- **Task data**:
..............................
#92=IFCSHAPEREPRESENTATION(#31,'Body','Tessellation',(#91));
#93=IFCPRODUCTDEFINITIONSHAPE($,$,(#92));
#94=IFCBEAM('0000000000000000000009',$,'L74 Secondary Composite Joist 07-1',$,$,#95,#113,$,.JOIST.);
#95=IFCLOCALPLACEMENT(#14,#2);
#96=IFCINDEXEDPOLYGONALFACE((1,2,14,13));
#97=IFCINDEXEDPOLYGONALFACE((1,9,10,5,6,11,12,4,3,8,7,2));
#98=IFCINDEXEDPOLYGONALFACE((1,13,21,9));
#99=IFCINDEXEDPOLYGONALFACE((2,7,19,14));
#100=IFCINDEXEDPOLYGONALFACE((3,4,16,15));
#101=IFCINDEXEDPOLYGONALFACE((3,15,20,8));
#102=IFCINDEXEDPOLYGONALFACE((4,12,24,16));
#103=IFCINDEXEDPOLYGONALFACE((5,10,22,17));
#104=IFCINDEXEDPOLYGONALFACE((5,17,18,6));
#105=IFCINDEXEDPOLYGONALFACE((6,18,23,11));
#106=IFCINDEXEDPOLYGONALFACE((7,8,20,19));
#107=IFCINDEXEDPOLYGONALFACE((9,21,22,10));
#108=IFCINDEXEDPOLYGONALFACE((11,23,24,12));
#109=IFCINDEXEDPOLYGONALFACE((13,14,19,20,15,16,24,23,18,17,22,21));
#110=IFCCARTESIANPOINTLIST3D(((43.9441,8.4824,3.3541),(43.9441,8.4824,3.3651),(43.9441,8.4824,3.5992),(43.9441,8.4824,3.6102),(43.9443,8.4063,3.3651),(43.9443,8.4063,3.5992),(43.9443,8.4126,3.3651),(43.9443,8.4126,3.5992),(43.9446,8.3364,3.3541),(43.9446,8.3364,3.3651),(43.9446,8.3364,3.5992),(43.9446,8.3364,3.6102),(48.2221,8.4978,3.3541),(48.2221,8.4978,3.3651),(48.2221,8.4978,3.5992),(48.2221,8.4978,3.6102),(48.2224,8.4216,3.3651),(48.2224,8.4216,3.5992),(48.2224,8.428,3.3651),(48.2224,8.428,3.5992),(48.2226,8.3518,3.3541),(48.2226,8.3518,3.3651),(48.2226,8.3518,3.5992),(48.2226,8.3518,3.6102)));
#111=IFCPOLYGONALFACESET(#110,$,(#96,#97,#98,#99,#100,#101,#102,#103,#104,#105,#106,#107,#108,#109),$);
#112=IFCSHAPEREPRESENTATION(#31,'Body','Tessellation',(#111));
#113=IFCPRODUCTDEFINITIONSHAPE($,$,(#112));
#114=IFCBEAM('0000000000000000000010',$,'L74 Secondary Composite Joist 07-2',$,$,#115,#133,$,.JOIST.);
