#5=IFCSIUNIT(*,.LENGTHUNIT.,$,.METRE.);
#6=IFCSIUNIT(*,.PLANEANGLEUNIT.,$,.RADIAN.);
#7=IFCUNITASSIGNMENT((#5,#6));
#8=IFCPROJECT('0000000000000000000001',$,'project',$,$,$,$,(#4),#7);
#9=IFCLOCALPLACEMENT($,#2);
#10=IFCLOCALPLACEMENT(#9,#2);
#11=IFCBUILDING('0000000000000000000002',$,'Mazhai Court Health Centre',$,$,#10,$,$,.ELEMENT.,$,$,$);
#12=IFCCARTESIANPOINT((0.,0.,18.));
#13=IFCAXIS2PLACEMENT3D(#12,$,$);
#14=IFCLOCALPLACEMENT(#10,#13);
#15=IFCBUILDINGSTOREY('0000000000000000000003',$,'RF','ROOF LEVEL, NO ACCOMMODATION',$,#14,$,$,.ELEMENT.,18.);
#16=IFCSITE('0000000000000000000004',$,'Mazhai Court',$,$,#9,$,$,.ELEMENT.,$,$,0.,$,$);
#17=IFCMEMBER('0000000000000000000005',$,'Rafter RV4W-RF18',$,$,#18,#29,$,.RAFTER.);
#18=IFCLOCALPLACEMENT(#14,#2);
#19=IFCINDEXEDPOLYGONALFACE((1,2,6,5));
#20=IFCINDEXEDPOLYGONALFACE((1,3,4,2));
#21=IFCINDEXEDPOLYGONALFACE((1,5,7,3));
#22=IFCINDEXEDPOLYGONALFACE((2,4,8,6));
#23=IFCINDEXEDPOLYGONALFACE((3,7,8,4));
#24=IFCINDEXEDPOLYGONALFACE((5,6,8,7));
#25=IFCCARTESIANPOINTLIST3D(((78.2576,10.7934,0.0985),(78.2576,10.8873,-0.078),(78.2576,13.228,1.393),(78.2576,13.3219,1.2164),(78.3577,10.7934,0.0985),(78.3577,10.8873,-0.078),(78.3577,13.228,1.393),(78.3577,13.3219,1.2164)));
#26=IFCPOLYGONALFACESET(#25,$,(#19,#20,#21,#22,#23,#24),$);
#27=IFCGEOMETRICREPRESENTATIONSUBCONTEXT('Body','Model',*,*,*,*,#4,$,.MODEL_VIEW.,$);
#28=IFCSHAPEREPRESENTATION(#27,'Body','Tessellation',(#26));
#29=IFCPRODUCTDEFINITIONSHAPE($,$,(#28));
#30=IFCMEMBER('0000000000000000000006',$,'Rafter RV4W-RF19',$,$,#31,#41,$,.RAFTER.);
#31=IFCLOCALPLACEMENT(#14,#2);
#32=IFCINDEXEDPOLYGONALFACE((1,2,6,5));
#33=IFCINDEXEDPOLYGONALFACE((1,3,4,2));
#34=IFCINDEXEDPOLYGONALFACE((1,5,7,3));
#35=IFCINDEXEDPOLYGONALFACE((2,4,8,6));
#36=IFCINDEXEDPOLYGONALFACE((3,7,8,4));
..............................
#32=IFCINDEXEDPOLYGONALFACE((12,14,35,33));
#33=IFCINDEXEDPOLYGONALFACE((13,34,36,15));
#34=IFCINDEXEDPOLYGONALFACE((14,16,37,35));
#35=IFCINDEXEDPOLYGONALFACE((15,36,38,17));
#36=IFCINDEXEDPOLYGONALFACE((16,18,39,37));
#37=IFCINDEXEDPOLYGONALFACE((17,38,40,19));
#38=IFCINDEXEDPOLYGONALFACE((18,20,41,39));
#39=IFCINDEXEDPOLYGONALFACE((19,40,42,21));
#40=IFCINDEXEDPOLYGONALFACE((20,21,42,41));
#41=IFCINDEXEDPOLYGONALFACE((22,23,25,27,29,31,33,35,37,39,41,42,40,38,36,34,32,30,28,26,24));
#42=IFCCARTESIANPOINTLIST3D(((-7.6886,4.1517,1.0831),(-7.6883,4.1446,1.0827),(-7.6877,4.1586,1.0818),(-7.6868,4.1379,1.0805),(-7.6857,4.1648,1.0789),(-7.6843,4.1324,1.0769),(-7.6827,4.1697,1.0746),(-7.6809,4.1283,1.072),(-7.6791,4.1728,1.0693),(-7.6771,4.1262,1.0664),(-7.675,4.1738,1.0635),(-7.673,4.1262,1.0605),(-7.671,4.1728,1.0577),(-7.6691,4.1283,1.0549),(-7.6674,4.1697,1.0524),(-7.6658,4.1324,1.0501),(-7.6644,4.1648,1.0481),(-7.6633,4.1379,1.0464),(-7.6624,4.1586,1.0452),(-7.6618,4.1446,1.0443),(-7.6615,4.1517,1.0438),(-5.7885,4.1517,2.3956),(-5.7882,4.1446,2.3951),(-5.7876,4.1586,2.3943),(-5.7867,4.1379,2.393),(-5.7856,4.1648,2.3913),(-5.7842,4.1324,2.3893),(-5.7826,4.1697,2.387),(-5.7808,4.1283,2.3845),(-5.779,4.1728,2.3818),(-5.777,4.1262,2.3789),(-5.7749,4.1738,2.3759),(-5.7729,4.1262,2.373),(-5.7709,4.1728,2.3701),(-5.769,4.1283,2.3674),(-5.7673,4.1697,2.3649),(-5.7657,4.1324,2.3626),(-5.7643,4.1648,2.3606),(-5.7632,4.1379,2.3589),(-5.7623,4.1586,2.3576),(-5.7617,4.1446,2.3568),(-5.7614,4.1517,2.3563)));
..............................
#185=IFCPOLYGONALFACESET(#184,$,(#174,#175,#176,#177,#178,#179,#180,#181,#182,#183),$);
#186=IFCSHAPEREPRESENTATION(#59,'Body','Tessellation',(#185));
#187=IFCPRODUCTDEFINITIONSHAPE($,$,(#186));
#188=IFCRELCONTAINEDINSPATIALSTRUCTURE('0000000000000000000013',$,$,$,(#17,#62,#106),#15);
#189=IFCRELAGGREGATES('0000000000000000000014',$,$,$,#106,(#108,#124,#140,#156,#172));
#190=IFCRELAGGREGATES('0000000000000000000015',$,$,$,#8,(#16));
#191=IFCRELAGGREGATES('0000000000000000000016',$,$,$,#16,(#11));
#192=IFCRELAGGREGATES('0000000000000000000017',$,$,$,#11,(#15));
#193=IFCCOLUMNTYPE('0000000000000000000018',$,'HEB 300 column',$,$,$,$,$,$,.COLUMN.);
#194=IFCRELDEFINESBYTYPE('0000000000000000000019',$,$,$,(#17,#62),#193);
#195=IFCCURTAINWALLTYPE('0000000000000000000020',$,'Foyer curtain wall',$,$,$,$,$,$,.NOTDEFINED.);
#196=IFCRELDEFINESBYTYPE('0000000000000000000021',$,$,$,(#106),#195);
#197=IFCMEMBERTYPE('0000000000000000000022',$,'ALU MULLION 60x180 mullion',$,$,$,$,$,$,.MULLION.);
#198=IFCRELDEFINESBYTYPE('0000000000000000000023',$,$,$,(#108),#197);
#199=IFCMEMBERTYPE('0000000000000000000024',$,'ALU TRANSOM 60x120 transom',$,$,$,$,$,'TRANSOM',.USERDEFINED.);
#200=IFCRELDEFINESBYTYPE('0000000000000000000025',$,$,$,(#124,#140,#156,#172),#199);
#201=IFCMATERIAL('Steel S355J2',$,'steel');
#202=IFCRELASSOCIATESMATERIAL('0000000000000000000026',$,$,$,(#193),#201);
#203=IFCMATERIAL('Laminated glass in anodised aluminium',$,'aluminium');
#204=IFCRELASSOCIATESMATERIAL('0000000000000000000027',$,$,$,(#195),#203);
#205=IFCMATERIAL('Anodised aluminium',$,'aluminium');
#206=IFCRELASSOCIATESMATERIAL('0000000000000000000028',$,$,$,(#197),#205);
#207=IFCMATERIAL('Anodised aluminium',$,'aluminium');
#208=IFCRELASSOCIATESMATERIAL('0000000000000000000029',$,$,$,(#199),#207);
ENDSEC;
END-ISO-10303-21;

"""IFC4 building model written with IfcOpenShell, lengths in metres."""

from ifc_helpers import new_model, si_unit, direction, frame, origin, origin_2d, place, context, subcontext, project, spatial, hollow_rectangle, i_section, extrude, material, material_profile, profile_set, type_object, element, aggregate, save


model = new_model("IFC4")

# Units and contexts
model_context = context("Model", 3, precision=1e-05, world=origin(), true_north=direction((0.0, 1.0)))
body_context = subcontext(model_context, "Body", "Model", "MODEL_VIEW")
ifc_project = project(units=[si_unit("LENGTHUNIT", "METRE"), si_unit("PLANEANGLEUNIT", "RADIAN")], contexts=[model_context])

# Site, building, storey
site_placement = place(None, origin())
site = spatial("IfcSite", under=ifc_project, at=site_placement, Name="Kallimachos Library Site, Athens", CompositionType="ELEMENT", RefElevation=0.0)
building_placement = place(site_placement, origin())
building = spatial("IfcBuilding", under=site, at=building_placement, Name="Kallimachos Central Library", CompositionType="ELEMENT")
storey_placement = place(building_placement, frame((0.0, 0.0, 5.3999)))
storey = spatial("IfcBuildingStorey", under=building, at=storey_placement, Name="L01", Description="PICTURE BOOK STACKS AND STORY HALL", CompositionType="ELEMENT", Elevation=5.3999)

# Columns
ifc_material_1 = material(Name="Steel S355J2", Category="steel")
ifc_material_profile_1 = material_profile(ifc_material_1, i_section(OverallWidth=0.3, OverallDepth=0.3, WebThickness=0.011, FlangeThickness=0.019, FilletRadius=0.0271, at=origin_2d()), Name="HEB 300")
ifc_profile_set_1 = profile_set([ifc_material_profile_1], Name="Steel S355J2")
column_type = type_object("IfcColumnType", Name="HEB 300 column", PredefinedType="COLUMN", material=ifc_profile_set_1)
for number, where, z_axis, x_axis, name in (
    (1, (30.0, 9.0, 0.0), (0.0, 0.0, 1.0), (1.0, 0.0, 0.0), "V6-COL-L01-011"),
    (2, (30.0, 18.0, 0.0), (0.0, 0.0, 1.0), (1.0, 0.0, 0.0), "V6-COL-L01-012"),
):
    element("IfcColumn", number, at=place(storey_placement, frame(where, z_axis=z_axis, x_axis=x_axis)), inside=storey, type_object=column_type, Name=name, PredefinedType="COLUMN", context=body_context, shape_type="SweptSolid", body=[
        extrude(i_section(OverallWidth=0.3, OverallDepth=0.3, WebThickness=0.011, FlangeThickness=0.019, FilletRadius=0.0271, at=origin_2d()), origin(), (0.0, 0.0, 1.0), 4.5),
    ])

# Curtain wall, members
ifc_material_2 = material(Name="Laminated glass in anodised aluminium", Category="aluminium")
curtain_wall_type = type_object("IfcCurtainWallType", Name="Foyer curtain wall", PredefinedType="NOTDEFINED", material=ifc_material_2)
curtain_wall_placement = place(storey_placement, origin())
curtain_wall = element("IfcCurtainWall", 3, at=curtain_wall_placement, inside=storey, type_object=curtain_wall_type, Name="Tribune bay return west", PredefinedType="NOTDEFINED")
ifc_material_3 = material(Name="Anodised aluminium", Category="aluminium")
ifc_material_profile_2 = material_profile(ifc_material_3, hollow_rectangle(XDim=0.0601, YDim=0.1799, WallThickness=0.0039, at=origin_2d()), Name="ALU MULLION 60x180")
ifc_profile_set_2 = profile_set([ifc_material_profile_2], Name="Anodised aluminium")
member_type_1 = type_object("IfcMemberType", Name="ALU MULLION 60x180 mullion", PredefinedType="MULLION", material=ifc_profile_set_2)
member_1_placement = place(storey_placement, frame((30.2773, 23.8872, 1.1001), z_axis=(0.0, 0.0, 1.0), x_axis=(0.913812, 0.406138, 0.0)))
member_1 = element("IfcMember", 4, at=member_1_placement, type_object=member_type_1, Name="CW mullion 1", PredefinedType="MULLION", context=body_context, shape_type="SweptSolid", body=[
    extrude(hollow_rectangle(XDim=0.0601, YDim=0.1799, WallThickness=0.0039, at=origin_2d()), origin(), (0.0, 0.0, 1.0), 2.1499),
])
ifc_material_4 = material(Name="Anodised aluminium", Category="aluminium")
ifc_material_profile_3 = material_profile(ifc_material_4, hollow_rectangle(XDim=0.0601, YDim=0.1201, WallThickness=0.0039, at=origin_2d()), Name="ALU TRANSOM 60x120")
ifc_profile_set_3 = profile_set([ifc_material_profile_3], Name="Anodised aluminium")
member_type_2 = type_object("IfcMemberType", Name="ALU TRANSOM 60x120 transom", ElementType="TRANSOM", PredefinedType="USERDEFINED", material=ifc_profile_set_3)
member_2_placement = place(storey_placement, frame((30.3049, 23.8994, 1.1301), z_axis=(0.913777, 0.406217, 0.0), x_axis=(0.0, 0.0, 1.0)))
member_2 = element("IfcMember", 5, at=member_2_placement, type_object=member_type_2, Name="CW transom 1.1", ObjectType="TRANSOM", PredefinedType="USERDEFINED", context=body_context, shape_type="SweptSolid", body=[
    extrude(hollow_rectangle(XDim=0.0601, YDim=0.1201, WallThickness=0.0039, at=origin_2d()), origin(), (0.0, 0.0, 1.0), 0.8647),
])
..............................
- **Problem details**:
Of the entries above, repeat exactly the lines between the line with "#92=IFCSHAPEREPRESENTATION(#31,'Body','Tessellation',(#91));" and the line with "#99=IFCINDEXEDPOLYGONALFACE((2,7,19,14));", inclusive, and no others.

- **Completed exercise**:
#92=IFCSHAPEREPRESENTATION(#31,'Body','Tessellation',(#91));
#93=IFCPRODUCTDEFINITIONSHAPE($,$,(#92));
#94=IFCBEAM('0000000000000000000009',$,'L74 Secondary Composite Joist 07-1',$,$,#95,#113,$,.JOIST.);
#95=IFCLOCALPLACEMENT(#14,#2);
#96=IFCINDEXEDPOLYGONALFACE((1,2,14,13));
#97=IFCINDEXEDPOLYGONALFACE((1,9,10,5,6,11,12,4,3,8,7,2));
#98=IFCINDEXEDPOLYGONALFACE((1,13,21,9));
#99=IFCINDEXEDPOLYGONALFACE((2,7,19,14));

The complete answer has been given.